## EXCERPTED DATA

####

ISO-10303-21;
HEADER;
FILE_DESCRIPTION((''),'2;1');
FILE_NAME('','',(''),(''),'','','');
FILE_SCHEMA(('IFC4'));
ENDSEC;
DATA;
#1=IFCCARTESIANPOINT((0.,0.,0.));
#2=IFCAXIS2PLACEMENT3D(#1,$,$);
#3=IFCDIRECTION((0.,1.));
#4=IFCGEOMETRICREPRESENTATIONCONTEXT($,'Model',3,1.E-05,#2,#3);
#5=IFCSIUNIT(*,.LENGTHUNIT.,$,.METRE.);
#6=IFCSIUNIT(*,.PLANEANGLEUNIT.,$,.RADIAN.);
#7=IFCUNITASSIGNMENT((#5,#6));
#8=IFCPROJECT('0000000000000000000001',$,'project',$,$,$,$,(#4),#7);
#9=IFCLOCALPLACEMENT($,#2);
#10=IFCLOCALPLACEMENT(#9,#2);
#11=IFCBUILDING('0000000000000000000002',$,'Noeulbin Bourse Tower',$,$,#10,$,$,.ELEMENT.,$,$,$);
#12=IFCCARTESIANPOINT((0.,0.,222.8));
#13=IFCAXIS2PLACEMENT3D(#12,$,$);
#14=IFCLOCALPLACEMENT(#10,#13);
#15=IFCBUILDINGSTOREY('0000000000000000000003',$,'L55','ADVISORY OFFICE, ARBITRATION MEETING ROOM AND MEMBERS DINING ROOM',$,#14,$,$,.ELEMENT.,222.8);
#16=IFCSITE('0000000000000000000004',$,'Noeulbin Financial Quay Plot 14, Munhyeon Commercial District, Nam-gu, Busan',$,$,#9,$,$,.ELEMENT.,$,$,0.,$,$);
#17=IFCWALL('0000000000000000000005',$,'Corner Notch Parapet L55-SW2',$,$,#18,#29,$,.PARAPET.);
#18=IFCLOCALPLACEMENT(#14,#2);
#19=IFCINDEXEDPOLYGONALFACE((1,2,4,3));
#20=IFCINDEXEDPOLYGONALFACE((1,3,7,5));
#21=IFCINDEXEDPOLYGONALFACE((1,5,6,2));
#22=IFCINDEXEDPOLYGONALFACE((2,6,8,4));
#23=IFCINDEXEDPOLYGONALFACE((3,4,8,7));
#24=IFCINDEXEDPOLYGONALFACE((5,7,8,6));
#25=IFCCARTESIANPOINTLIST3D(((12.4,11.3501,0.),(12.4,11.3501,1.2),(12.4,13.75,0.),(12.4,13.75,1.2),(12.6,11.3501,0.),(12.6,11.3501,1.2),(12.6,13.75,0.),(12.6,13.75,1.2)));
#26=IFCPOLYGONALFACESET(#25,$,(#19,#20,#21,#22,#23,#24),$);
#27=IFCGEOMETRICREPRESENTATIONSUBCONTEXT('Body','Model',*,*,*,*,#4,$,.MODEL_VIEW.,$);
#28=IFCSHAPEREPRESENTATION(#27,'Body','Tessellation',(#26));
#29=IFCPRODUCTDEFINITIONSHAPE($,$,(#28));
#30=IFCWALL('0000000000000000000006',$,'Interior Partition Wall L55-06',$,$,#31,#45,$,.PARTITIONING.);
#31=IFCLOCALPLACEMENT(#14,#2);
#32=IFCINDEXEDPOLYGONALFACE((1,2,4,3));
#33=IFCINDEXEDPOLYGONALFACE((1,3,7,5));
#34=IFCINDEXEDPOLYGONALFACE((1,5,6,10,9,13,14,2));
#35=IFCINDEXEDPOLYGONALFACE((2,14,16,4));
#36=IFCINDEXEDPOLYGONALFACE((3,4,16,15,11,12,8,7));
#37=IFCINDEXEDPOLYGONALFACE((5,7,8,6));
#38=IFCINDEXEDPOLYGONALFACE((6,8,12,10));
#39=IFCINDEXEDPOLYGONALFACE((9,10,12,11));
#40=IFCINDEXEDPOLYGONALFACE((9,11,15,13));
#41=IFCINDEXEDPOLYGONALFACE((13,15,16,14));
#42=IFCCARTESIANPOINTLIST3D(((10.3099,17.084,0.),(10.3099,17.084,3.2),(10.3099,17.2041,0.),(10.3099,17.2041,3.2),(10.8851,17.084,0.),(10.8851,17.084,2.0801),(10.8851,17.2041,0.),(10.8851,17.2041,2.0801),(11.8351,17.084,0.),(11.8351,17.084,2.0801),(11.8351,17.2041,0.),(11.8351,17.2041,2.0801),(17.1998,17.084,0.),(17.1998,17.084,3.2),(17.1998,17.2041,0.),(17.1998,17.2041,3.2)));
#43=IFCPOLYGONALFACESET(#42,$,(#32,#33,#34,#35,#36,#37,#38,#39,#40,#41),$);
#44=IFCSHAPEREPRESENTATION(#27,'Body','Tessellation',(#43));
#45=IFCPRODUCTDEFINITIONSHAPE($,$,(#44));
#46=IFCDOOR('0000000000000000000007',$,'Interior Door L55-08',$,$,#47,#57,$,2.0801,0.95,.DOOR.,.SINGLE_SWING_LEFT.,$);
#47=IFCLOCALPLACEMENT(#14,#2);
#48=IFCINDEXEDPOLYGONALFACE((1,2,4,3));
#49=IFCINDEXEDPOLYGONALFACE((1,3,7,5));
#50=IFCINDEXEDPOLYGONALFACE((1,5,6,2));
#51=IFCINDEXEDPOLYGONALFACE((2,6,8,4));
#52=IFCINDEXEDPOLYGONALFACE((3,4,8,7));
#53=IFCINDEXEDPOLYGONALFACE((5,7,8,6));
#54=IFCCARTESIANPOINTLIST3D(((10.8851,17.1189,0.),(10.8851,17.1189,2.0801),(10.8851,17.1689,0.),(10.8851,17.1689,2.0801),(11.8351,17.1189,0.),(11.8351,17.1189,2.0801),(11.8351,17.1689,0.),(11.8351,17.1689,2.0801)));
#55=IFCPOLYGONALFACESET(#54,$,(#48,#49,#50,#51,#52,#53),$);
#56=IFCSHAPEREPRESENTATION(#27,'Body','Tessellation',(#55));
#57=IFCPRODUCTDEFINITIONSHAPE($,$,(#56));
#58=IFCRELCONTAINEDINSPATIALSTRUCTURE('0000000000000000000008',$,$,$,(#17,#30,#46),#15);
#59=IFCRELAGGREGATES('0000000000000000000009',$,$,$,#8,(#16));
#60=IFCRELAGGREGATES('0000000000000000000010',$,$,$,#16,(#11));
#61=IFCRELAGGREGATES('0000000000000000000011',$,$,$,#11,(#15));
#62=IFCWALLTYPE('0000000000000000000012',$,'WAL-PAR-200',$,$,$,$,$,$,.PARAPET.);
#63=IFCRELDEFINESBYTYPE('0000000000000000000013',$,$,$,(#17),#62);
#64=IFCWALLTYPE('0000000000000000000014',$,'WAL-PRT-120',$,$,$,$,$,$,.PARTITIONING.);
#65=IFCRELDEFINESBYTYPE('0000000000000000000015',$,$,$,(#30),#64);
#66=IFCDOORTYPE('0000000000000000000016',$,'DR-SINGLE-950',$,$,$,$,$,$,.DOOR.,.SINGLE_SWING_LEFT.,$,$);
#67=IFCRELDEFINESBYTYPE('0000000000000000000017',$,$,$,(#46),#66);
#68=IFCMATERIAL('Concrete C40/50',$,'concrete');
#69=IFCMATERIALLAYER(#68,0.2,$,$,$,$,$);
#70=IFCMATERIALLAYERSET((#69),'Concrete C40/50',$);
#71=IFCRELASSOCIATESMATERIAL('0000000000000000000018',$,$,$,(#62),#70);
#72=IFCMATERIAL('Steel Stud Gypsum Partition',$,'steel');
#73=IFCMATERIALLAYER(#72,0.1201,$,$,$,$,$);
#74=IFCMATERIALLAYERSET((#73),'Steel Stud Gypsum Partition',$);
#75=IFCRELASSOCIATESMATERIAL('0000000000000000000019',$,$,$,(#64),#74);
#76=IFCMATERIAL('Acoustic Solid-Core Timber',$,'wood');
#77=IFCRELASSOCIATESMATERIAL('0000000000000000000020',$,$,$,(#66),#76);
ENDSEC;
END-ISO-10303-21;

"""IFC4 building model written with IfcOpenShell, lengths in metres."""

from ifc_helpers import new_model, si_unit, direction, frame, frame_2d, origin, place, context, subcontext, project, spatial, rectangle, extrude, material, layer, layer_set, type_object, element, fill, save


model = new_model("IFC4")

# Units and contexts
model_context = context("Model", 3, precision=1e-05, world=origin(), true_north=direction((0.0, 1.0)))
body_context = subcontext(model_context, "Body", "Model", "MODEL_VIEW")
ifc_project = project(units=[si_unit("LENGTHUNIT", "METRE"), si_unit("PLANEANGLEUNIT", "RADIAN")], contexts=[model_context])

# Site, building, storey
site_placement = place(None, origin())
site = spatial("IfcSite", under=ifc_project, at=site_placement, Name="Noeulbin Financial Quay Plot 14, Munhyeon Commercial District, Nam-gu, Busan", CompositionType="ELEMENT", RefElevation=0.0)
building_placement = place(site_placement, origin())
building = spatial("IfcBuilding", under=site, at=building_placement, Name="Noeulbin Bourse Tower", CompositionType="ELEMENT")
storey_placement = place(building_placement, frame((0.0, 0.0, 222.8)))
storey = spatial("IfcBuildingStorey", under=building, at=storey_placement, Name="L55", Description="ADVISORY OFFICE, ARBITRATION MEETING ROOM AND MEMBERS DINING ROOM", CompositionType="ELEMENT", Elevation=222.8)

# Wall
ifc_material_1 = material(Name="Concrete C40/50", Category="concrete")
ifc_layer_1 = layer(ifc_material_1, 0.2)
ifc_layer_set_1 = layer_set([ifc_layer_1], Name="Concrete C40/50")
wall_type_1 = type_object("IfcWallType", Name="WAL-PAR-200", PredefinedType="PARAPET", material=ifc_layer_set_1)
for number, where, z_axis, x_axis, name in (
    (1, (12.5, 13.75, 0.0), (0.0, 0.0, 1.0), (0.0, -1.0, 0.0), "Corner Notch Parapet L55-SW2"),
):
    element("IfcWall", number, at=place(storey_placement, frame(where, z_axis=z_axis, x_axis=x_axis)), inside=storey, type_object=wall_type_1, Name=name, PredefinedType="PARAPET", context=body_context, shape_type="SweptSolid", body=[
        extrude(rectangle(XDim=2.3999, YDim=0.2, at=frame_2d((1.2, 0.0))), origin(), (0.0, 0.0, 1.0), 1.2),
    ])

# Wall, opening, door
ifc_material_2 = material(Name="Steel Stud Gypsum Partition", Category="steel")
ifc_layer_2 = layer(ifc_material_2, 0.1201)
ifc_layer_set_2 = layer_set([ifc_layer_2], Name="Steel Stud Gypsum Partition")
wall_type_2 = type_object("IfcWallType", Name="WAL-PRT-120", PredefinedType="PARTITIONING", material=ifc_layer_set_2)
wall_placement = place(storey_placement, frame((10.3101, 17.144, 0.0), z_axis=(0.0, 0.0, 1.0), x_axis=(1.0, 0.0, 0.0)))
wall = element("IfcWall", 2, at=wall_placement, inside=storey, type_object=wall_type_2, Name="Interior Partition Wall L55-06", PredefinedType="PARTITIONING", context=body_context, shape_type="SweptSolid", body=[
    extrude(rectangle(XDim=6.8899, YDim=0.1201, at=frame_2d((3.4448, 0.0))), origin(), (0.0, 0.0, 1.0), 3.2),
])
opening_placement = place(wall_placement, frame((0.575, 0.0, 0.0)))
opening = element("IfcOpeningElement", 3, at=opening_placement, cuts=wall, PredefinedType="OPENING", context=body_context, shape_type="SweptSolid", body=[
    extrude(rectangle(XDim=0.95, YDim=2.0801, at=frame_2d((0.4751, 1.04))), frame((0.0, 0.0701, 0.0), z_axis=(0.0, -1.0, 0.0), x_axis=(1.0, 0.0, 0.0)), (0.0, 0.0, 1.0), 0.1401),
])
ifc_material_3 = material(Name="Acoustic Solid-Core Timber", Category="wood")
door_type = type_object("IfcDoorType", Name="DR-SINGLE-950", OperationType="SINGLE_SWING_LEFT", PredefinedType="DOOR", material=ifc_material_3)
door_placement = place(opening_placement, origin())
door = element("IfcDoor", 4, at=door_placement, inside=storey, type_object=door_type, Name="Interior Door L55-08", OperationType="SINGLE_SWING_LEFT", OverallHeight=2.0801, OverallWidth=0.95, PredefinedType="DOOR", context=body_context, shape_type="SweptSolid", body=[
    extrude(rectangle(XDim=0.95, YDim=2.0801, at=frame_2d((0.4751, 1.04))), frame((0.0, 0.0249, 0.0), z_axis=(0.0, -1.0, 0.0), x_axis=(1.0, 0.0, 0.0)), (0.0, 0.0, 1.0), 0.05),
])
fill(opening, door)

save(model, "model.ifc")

####

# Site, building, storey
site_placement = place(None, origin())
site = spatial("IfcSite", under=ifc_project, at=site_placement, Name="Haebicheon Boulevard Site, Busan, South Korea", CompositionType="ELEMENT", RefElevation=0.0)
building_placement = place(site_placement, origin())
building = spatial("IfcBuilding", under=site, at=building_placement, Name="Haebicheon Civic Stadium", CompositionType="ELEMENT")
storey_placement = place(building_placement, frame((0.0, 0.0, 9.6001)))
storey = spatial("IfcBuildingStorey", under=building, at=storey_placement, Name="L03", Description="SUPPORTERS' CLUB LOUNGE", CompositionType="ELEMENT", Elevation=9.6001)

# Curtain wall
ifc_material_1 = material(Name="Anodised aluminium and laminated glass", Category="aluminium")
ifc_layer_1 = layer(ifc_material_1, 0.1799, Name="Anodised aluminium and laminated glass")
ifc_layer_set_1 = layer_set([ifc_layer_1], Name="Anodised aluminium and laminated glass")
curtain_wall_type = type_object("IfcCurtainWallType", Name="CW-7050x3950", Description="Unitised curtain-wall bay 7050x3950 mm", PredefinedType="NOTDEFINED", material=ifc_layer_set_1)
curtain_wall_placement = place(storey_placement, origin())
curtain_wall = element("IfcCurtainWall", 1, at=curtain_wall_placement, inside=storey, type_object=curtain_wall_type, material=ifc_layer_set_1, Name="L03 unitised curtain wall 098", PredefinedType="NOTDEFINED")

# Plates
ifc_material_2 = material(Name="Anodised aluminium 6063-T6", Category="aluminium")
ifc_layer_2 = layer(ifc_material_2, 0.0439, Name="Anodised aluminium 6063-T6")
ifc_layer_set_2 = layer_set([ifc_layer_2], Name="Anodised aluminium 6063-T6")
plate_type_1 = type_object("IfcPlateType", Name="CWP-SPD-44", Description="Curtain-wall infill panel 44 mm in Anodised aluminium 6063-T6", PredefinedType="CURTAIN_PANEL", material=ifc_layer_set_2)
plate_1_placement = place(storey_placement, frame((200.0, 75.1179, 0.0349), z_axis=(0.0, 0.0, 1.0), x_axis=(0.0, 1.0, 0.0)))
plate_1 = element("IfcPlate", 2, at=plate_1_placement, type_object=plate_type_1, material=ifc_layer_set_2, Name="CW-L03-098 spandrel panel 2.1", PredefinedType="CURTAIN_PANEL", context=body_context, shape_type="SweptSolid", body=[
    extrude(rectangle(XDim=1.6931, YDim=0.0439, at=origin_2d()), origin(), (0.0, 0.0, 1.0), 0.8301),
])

####

## WHAT THE TASK REQUIRES
From the records above, pick out and copy each line holding the word "IFCSHAPEREPRESENTATION".

## RESPONSE FOR THIS EXERCISE
#28=IFCSHAPEREPRESENTATION(#27,'Body','Tessellation',(#26));
#44=IFCSHAPEREPRESENTATION(#27,'Body','Tessellation',(#43));
#56=IFCSHAPEREPRESENTATION(#27,'Body','Tessellation',(#55));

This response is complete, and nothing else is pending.